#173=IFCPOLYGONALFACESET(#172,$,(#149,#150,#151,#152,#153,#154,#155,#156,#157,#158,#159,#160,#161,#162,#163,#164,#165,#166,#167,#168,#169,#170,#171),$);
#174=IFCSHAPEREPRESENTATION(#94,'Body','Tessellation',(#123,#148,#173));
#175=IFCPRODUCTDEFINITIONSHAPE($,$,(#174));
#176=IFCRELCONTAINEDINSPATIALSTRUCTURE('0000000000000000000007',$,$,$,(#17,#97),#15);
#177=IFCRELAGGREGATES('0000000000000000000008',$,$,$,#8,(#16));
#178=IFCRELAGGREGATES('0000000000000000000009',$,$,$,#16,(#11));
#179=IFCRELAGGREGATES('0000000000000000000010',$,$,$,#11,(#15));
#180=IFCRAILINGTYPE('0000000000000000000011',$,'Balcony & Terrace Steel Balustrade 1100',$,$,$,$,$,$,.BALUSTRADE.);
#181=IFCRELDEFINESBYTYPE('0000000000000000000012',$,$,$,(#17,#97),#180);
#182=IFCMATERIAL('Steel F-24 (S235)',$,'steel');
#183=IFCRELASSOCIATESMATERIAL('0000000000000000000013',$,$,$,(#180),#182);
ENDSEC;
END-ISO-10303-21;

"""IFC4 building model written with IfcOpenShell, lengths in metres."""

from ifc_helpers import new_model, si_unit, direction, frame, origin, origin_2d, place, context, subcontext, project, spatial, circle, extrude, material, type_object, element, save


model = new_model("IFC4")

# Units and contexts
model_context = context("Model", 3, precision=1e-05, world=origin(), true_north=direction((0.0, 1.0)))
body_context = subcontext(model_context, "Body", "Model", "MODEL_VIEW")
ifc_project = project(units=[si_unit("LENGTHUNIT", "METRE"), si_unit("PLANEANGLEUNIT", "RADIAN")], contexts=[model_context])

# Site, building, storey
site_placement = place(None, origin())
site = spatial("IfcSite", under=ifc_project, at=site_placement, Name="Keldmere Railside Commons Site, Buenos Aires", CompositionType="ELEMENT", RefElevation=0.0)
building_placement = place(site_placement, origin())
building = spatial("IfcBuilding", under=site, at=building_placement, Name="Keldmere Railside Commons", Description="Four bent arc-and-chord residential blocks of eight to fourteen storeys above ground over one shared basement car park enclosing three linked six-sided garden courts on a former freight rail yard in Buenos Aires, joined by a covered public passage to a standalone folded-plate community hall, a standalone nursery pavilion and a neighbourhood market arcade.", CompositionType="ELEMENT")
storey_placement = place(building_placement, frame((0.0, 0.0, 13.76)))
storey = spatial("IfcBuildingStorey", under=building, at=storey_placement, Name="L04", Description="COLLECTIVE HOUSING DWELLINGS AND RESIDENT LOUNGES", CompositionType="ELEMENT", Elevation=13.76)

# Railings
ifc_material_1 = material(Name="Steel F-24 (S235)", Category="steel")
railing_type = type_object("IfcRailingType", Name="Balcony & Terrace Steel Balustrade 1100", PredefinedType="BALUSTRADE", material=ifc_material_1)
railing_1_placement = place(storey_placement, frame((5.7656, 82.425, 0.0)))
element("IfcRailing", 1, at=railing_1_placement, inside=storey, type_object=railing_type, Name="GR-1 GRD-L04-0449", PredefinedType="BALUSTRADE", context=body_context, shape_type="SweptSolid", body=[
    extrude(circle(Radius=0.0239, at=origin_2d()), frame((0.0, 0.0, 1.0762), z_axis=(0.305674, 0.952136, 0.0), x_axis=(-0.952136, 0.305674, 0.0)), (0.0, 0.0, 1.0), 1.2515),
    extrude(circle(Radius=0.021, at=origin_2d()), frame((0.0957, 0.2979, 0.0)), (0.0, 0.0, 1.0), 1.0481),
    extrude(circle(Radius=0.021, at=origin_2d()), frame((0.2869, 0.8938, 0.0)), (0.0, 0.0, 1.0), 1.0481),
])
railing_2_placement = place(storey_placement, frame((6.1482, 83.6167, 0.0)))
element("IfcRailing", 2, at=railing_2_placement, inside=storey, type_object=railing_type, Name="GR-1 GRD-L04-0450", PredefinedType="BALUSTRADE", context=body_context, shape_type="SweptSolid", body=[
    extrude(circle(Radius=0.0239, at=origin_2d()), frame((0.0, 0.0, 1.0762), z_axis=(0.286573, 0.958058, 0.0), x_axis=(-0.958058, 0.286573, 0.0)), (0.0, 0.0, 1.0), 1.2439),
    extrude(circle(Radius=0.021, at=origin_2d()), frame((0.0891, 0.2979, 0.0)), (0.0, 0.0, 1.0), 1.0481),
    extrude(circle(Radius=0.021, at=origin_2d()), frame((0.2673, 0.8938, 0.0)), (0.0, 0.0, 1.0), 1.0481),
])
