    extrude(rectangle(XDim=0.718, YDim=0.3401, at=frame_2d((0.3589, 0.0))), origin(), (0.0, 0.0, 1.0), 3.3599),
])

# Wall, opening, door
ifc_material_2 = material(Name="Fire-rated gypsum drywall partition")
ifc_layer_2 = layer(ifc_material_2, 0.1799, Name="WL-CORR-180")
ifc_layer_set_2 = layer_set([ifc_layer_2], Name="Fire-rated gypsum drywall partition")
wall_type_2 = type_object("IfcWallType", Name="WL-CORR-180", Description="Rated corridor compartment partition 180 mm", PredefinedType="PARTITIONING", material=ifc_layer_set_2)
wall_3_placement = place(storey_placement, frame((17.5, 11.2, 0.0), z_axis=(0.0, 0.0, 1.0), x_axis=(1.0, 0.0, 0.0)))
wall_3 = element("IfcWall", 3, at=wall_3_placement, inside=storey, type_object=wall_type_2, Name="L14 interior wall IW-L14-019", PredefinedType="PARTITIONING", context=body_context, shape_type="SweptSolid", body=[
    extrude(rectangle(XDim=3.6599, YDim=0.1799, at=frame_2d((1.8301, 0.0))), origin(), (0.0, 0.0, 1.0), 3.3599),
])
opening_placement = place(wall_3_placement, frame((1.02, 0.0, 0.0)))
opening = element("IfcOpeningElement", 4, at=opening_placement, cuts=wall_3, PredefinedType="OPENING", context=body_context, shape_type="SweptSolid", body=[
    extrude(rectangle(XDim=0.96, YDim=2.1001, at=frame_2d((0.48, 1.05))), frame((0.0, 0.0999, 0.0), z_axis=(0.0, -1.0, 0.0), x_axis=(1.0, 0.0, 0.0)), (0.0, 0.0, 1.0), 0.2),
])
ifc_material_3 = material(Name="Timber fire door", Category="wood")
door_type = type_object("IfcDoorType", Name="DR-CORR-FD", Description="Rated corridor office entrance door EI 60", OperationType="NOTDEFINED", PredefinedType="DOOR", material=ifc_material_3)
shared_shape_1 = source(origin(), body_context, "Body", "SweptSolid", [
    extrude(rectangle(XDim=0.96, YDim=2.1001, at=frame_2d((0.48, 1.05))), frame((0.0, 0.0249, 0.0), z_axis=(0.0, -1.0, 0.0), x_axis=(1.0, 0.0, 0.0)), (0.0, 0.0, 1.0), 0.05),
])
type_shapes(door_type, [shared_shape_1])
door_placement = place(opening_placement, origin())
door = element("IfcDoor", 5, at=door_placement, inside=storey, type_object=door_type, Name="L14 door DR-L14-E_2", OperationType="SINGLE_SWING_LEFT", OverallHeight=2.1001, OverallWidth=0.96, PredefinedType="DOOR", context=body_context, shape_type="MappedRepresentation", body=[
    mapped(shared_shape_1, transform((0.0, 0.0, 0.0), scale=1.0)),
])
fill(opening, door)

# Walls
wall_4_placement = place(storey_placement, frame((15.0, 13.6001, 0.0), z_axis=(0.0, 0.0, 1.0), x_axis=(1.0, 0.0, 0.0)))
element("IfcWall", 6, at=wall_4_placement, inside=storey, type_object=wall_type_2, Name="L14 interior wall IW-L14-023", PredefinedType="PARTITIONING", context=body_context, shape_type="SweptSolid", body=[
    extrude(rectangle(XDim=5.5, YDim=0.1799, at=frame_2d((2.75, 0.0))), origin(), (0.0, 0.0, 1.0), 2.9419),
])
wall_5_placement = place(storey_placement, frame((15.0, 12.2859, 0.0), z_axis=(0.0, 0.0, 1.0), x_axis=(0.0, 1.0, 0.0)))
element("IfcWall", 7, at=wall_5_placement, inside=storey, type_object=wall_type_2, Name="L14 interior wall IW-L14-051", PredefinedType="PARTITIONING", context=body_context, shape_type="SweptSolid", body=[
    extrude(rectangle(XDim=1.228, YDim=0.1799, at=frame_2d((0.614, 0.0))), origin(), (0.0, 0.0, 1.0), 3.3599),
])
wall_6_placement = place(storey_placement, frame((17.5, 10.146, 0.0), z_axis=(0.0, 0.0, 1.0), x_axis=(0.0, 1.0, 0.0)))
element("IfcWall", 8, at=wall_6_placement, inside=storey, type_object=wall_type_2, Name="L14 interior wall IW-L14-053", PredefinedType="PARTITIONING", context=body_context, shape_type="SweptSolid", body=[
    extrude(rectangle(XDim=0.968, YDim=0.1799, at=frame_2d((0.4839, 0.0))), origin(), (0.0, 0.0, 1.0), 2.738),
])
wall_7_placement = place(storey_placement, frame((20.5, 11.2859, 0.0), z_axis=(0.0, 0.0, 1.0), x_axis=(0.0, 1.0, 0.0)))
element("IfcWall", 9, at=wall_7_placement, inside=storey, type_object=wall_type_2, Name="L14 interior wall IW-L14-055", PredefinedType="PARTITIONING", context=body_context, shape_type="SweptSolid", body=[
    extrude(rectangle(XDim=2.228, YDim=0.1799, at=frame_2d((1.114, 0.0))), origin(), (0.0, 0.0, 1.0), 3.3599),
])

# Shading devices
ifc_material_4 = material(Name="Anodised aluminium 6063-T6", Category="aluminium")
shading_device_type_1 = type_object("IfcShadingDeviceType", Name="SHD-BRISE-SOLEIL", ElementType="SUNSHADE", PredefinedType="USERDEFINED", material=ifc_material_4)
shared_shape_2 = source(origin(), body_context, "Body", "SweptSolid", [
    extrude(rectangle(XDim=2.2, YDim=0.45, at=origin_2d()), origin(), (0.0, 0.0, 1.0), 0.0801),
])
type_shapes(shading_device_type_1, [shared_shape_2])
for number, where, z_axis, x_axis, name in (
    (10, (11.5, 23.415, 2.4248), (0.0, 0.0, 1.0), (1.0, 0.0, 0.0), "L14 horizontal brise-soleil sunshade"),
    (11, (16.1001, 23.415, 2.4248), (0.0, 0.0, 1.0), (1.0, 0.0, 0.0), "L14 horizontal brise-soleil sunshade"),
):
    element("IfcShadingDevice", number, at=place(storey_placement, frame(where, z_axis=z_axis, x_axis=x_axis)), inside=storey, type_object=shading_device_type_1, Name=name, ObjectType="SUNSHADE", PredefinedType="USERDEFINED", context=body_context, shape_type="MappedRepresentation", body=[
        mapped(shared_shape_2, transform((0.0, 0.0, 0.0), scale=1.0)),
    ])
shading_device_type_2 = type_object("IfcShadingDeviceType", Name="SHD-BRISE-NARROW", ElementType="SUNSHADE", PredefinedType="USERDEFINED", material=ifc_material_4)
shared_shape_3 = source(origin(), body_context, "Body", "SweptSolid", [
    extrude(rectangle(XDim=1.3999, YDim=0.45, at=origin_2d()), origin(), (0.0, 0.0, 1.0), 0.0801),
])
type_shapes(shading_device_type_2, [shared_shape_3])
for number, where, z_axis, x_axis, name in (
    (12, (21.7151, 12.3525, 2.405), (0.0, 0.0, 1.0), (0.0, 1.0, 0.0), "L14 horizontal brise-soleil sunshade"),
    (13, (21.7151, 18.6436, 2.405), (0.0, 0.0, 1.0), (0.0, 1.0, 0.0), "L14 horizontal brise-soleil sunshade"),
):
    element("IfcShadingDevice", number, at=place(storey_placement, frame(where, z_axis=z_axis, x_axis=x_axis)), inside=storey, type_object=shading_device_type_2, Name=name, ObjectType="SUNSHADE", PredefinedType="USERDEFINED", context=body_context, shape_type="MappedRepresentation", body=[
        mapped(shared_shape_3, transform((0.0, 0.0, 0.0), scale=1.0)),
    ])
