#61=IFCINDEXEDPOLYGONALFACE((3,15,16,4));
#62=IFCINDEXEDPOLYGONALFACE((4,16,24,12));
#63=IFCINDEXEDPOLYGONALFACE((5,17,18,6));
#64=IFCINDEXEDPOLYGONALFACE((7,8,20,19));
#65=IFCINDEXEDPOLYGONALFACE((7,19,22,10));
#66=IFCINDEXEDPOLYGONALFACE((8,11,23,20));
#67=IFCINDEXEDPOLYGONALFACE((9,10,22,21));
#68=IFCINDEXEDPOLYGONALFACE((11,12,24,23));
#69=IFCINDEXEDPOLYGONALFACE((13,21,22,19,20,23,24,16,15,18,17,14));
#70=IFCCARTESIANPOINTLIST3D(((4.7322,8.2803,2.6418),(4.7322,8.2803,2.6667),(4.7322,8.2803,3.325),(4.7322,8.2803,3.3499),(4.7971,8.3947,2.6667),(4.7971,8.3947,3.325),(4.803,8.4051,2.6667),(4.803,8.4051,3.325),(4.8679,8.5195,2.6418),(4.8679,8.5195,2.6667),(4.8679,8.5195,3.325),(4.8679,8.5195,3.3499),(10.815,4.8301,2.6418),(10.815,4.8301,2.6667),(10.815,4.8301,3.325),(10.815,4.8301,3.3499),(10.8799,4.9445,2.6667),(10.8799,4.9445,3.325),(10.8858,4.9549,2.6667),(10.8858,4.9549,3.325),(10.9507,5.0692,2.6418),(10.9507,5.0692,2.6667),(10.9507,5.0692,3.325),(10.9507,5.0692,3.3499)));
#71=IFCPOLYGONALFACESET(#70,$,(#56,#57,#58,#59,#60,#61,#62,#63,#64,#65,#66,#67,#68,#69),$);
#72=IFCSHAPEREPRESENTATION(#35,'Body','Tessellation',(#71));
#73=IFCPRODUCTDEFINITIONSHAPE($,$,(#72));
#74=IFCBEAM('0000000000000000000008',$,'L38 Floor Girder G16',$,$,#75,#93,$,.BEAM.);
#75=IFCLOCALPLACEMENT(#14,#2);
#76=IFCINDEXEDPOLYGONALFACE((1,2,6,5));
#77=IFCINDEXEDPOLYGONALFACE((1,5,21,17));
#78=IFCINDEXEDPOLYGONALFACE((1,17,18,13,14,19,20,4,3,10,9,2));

----

#### [REQUIRED ACTION]
Give back exactly the lines of the listing, starting with the first and ending with the one bearing "from ifc_helpers import". Add no other lines.

#### [EXERCISE ANSWER]
#173=IFCPOLYGONALFACESET(#172,$,(#149,#150,#151,#152,#153,#154,#155,#156,#157,#158,#159,#160,#161,#162,#163,#164,#165,#166,#167,#168,#169,#170,#171),$);
#174=IFCSHAPEREPRESENTATION(#94,'Body','Tessellation',(#123,#148,#173));
#175=IFCPRODUCTDEFINITIONSHAPE($,$,(#174));
#176=IFCRELCONTAINEDINSPATIALSTRUCTURE('0000000000000000000007',$,$,$,(#17,#97),#15);
#177=IFCRELAGGREGATES('0000000000000000000008',$,$,$,#8,(#16));
#178=IFCRELAGGREGATES('0000000000000000000009',$,$,$,#16,(#11));
#179=IFCRELAGGREGATES('0000000000000000000010',$,$,$,#11,(#15));
#180=IFCRAILINGTYPE('0000000000000000000011',$,'Balcony & Terrace Steel Balustrade 1100',$,$,$,$,$,$,.BALUSTRADE.);
#181=IFCRELDEFINESBYTYPE('0000000000000000000012',$,$,$,(#17,#97),#180);
#182=IFCMATERIAL('Steel F-24 (S235)',$,'steel');
#183=IFCRELASSOCIATESMATERIAL('0000000000000000000013',$,$,$,(#180),#182);
ENDSEC;
END-ISO-10303-21;

"""IFC4 building model written with IfcOpenShell, lengths in metres."""

from ifc_helpers import new_model, si_unit, direction, frame, origin, origin_2d, place, context, subcontext, project, spatial, circle, extrude, material, type_object, element, save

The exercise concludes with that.